═════ Data provided
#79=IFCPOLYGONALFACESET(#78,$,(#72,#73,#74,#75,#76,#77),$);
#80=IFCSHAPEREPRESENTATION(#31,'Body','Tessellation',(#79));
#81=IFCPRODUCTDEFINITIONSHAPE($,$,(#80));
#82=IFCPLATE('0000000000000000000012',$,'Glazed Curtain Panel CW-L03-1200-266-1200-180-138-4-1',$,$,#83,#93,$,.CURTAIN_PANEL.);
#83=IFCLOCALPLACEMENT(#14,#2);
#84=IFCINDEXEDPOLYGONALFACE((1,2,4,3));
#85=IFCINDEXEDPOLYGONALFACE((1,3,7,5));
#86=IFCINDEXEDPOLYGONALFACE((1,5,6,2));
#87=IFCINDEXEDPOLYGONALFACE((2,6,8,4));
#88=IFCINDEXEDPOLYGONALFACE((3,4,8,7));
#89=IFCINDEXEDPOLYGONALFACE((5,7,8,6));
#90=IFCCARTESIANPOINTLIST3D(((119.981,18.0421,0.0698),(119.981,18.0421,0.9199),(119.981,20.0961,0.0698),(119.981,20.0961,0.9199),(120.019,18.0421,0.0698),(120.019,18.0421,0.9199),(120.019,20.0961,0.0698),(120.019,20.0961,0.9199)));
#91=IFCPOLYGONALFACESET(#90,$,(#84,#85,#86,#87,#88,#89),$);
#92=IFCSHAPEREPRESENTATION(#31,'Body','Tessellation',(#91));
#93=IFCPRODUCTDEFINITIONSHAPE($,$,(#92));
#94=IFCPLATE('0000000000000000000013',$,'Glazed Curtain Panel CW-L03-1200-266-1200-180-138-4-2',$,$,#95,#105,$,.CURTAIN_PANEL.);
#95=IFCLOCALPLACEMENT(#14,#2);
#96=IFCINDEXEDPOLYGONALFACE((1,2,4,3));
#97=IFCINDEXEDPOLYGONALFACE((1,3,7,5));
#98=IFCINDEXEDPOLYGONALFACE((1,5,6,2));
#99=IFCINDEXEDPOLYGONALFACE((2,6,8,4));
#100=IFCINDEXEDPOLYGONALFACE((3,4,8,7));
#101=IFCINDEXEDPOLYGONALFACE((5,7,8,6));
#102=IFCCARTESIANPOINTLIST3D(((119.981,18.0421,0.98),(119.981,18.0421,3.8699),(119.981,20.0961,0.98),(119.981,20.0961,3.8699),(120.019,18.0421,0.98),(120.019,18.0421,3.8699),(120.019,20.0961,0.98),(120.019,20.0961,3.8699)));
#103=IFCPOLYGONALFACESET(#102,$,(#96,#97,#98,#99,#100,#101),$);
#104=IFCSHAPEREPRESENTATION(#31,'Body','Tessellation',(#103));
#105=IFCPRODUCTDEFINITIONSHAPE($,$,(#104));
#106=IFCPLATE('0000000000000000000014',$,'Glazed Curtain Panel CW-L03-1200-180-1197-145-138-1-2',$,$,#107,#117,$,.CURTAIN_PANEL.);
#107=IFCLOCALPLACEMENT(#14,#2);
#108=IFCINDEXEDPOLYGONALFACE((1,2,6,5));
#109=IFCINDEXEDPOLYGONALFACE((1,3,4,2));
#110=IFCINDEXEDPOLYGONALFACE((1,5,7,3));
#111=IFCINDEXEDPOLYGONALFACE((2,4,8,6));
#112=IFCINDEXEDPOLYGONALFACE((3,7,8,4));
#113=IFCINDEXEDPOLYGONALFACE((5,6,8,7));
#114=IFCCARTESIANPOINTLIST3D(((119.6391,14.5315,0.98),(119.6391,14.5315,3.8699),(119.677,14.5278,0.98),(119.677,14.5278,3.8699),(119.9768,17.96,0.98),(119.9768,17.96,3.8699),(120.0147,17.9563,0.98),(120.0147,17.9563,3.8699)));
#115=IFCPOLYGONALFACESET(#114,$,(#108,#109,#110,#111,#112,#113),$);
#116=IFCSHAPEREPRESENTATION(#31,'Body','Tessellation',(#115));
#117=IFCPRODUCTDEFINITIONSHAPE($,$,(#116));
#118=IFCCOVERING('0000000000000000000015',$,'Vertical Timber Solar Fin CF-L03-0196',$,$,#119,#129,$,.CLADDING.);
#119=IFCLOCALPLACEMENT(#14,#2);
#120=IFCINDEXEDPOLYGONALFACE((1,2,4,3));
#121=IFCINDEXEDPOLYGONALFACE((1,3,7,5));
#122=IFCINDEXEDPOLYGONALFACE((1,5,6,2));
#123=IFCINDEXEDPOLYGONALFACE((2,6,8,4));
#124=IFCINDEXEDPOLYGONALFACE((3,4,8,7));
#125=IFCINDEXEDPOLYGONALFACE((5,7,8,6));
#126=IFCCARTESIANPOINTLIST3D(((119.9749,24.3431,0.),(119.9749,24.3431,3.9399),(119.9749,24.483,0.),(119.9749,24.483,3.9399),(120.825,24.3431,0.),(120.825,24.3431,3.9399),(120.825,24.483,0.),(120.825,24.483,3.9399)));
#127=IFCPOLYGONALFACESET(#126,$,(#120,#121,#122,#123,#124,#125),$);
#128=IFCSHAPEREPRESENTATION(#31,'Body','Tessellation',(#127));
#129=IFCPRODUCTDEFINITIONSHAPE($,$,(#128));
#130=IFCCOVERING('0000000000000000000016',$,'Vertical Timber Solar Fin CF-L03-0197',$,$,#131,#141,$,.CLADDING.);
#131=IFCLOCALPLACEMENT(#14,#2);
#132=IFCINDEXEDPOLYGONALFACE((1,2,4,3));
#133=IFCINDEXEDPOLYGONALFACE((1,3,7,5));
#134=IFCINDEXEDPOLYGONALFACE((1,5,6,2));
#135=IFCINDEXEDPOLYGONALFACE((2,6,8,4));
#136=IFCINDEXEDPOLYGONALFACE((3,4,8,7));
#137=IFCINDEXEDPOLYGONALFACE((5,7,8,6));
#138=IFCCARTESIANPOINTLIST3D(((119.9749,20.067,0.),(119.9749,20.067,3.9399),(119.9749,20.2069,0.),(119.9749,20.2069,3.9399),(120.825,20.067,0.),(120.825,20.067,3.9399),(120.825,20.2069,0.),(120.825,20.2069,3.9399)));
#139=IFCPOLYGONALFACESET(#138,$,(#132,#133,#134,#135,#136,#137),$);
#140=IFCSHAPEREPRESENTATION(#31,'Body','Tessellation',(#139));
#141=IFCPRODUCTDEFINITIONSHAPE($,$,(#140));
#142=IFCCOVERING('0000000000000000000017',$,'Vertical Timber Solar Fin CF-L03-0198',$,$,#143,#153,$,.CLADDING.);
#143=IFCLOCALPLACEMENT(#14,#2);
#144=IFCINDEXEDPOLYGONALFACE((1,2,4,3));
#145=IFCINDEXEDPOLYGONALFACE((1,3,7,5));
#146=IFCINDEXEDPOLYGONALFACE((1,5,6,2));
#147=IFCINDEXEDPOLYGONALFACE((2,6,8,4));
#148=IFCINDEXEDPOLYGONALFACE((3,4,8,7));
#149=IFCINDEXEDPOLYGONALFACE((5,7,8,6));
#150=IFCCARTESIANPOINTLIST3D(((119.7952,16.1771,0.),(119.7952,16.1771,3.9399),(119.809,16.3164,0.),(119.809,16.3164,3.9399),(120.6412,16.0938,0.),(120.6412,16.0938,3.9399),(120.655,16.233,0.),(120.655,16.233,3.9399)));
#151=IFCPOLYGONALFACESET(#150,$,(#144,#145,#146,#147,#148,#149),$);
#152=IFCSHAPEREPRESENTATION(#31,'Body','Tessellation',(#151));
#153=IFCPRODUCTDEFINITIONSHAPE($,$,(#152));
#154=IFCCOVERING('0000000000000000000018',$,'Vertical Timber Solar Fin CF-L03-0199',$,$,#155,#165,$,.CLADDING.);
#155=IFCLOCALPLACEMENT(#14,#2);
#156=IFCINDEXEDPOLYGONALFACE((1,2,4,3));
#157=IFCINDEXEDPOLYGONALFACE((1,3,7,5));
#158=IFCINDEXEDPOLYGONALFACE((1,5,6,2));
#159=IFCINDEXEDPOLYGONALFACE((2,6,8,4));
══════════
» Brief: Using the data above, print exactly the lines from the line that contains "Solar Fin CF-L03-0197',$,$,#131,#141,$,.CLADDING.);" through the line that contains "#137=IFCINDEXEDPOLYGONALFACE((5,7,8,6));", with both included.

» Result of the exercise:
#130=IFCCOVERING('0000000000000000000016',$,'Vertical Timber Solar Fin CF-L03-0197',$,$,#131,#141,$,.CLADDING.);
#131=IFCLOCALPLACEMENT(#14,#2);
#132=IFCINDEXEDPOLYGONALFACE((1,2,4,3));
#133=IFCINDEXEDPOLYGONALFACE((1,3,7,5));
#134=IFCINDEXEDPOLYGONALFACE((1,5,6,2));
#135=IFCINDEXEDPOLYGONALFACE((2,6,8,4));
#136=IFCINDEXEDPOLYGONALFACE((3,4,8,7));
#137=IFCINDEXEDPOLYGONALFACE((5,7,8,6));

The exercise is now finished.